— What is being asked —
Look below for the line containing "building model written"; from there through the line containing "building_placement = place(site_placement, origin())", both lines included, please set down each line exactly and nothing else.

— Extracted records —
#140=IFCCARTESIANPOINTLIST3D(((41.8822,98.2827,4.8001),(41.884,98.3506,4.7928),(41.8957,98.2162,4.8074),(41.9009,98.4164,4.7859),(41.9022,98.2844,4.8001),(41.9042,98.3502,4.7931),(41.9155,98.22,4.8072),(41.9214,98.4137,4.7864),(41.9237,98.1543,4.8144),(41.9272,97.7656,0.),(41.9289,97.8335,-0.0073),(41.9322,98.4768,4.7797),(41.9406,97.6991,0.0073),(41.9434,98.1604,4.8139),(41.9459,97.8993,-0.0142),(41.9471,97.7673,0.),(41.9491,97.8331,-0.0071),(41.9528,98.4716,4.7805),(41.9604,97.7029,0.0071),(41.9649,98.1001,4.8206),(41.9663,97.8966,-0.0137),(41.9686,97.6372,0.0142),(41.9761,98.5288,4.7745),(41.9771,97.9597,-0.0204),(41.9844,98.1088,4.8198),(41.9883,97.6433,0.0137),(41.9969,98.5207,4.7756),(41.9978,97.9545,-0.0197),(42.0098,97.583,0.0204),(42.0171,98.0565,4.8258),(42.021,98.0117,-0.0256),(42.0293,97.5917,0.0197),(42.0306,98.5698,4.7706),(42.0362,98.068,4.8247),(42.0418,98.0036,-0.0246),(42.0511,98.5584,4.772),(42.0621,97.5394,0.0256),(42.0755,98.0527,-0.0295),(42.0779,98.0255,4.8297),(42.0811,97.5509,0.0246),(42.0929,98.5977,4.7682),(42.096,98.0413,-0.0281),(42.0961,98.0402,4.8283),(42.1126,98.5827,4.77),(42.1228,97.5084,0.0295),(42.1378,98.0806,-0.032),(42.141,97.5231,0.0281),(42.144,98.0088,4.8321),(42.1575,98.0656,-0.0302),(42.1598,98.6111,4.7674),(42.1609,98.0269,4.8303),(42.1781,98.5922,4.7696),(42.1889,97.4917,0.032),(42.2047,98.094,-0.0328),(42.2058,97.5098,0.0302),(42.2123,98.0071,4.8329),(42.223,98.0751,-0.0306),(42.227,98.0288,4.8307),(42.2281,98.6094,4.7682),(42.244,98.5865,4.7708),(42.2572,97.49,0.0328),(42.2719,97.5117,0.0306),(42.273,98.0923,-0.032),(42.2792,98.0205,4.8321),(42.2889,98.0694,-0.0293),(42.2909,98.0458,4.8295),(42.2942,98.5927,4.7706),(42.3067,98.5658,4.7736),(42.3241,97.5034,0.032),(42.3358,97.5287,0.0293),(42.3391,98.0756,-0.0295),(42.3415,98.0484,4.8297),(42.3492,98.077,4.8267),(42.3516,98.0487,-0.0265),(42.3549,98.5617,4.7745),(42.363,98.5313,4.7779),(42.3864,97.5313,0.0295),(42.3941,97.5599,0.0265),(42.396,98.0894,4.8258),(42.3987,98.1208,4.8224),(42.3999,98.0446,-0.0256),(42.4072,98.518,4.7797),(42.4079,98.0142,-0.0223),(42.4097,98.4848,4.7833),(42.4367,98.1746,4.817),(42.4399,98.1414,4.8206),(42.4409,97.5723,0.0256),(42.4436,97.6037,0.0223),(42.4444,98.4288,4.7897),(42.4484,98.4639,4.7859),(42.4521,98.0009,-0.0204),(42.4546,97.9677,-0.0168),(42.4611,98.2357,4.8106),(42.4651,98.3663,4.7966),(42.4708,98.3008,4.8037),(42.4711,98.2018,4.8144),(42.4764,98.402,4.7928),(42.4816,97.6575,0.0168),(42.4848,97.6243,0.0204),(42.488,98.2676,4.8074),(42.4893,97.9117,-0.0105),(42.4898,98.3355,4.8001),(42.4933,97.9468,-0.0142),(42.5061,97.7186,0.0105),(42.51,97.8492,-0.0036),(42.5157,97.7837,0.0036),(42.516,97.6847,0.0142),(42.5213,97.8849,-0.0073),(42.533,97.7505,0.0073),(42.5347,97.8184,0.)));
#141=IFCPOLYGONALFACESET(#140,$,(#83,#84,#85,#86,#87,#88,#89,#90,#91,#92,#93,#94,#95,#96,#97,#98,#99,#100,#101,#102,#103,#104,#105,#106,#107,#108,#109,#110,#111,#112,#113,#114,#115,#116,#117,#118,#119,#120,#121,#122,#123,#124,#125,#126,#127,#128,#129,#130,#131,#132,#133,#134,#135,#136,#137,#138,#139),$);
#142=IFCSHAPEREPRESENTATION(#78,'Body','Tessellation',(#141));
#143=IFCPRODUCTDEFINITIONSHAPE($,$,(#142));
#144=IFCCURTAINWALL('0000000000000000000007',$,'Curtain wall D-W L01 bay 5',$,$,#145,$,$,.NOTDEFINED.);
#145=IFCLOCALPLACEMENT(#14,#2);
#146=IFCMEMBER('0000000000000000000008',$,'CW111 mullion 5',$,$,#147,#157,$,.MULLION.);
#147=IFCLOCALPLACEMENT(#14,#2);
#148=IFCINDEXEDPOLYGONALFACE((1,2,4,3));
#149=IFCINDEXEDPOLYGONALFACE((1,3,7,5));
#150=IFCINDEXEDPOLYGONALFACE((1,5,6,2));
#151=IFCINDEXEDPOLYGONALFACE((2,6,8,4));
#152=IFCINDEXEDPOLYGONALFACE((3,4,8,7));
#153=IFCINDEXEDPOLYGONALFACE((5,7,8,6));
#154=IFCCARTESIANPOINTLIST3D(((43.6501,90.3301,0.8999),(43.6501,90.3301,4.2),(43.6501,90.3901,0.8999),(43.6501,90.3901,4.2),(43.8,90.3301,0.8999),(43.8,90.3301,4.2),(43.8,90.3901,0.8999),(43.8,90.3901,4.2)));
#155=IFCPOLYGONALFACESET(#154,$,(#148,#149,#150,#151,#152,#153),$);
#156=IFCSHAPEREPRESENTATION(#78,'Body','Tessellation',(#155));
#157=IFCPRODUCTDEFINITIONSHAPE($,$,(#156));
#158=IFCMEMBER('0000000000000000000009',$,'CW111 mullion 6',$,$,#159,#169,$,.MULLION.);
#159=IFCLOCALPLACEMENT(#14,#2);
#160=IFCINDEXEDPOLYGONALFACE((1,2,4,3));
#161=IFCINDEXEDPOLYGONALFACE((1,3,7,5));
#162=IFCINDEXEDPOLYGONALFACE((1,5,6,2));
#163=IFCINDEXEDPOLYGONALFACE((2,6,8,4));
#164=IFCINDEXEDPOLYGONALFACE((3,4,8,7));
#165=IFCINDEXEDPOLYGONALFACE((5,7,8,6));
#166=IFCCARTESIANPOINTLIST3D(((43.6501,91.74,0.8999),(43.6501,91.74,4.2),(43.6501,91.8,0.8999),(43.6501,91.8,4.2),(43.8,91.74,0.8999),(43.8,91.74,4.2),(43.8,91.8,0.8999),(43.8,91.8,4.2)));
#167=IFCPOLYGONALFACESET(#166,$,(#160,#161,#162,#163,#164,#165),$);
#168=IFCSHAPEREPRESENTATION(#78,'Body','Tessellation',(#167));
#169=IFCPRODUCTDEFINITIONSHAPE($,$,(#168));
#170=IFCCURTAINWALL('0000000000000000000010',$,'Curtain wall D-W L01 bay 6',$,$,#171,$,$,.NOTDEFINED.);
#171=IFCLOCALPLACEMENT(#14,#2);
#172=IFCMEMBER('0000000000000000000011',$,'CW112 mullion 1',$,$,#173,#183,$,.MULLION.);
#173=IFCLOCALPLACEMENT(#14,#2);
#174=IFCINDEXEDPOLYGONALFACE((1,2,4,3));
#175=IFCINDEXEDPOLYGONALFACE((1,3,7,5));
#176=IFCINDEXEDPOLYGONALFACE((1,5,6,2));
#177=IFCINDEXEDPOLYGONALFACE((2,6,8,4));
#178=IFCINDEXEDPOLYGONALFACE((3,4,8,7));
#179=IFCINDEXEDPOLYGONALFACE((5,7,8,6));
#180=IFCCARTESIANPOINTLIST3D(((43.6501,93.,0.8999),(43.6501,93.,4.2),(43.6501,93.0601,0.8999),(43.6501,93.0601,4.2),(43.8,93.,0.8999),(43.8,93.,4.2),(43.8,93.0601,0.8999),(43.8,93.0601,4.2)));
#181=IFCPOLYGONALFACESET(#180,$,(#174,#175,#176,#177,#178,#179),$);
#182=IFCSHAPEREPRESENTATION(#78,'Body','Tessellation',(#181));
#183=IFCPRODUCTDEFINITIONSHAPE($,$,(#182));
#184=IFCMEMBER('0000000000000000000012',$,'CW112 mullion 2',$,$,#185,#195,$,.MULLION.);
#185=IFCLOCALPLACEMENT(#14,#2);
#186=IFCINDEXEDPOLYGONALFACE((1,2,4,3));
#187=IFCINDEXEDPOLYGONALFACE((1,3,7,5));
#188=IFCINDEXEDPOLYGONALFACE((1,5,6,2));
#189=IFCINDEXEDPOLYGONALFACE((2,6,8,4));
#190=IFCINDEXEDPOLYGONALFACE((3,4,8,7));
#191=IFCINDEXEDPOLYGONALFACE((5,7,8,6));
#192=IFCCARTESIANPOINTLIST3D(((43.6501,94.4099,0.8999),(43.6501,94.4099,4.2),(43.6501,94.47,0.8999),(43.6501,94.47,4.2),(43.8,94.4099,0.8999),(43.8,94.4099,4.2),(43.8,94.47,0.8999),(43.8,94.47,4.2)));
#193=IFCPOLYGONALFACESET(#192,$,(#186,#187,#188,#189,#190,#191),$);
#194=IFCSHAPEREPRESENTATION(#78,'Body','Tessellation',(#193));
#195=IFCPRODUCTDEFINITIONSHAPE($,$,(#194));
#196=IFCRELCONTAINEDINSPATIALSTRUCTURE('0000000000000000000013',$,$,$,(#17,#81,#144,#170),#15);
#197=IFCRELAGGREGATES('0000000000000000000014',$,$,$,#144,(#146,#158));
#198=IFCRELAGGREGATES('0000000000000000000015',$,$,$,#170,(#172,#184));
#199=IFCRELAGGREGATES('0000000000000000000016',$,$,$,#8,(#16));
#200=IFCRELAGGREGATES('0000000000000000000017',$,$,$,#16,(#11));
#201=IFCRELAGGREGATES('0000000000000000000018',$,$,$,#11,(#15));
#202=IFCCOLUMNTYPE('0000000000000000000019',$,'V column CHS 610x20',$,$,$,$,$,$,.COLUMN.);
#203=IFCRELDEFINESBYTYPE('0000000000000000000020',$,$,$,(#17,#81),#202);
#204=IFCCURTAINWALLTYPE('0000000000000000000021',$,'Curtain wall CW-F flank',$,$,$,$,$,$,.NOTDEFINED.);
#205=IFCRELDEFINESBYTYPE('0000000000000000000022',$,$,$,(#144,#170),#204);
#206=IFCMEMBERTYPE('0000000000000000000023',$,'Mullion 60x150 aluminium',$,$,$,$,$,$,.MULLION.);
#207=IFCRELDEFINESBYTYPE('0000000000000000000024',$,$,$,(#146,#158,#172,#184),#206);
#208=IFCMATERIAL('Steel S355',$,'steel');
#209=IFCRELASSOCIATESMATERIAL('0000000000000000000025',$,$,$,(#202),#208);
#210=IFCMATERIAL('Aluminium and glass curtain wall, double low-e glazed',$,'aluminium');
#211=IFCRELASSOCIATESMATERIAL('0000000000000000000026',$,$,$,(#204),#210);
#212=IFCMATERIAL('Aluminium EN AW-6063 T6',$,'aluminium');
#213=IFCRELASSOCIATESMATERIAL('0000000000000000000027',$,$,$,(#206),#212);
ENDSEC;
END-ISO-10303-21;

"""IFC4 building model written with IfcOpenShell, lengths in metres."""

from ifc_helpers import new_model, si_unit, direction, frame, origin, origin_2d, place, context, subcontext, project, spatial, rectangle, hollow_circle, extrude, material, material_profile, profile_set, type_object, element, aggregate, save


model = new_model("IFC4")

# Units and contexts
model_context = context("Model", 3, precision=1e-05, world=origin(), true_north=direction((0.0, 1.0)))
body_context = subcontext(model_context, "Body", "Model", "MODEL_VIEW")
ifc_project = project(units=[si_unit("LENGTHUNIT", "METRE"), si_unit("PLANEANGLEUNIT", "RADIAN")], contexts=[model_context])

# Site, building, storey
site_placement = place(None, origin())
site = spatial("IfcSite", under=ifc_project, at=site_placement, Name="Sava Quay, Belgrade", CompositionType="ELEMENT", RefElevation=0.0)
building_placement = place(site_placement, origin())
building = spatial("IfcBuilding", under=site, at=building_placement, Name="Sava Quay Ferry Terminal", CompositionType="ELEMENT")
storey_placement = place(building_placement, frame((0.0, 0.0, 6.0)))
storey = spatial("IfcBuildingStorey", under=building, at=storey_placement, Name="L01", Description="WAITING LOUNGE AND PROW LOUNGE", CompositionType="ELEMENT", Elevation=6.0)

— Solution —
"""IFC4 building model written with IfcOpenShell, lengths in metres."""

from ifc_helpers import new_model, si_unit, direction, frame, origin, origin_2d, place, context, subcontext, project, spatial, rectangle, hollow_circle, extrude, material, material_profile, profile_set, type_object, element, aggregate, save


model = new_model("IFC4")

# Units and contexts
model_context = context("Model", 3, precision=1e-05, world=origin(), true_north=direction((0.0, 1.0)))
body_context = subcontext(model_context, "Body", "Model", "MODEL_VIEW")
ifc_project = project(units=[si_unit("LENGTHUNIT", "METRE"), si_unit("PLANEANGLEUNIT", "RADIAN")], contexts=[model_context])

# Site, building, storey
site_placement = place(None, origin())
site = spatial("IfcSite", under=ifc_project, at=site_placement, Name="Sava Quay, Belgrade", CompositionType="ELEMENT", RefElevation=0.0)
building_placement = place(site_placement, origin())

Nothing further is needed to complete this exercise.